Gather each line of the records where "origin" appears.

Exercise input section start

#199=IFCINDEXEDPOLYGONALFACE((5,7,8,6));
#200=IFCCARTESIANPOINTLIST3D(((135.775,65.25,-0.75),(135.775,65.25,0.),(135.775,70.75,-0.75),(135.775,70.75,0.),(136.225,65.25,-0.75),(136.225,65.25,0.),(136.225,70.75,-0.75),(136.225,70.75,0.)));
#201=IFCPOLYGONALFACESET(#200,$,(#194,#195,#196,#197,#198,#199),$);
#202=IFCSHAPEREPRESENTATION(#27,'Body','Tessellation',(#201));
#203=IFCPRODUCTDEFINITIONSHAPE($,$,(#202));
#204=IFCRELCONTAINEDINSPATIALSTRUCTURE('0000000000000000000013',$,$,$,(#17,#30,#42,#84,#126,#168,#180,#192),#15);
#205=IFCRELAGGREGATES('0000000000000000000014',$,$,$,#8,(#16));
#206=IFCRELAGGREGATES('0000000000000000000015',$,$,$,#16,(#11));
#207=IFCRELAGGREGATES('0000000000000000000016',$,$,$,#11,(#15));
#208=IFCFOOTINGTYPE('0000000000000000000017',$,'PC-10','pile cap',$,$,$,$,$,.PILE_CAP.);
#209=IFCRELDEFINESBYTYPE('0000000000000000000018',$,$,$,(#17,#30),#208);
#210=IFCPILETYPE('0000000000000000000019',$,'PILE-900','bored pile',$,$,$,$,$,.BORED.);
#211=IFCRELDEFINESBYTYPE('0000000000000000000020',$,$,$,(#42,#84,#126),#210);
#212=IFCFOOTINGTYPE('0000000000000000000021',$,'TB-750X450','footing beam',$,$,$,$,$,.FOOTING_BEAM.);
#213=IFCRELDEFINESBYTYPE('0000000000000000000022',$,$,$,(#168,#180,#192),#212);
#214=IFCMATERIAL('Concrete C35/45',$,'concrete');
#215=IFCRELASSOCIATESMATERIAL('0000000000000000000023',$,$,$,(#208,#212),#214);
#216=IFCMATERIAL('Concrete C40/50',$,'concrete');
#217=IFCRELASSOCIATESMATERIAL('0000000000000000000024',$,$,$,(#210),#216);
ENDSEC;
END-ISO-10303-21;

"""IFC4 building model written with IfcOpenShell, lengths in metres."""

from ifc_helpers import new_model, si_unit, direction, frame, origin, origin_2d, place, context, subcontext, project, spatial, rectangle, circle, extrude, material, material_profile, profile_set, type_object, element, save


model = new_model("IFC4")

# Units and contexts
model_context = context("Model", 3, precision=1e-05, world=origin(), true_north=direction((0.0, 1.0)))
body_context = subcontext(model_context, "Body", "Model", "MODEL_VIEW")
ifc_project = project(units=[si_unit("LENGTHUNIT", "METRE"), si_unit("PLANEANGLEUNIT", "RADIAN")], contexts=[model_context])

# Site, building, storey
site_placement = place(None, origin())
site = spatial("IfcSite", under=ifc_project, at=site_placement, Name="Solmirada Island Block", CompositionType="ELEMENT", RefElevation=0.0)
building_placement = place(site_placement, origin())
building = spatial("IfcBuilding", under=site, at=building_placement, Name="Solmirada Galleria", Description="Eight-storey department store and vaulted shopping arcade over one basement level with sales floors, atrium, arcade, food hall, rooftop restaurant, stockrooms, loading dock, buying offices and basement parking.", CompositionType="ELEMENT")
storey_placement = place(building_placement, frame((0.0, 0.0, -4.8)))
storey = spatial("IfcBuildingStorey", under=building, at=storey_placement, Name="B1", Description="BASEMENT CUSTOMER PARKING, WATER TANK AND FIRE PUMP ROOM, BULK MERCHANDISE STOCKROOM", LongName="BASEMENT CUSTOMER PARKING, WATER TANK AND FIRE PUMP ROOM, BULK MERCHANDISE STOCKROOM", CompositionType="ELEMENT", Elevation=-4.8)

Exercise input section end

**Response:**
from ifc_helpers import new_model, si_unit, direction, frame, origin, origin_2d, place, context, subcontext, project, spatial, rectangle, circle, extrude, material, material_profile, profile_set, type_object, element, save
model_context = context("Model", 3, precision=1e-05, world=origin(), true_north=direction((0.0, 1.0)))
site_placement = place(None, origin())
building_placement = place(site_placement, origin())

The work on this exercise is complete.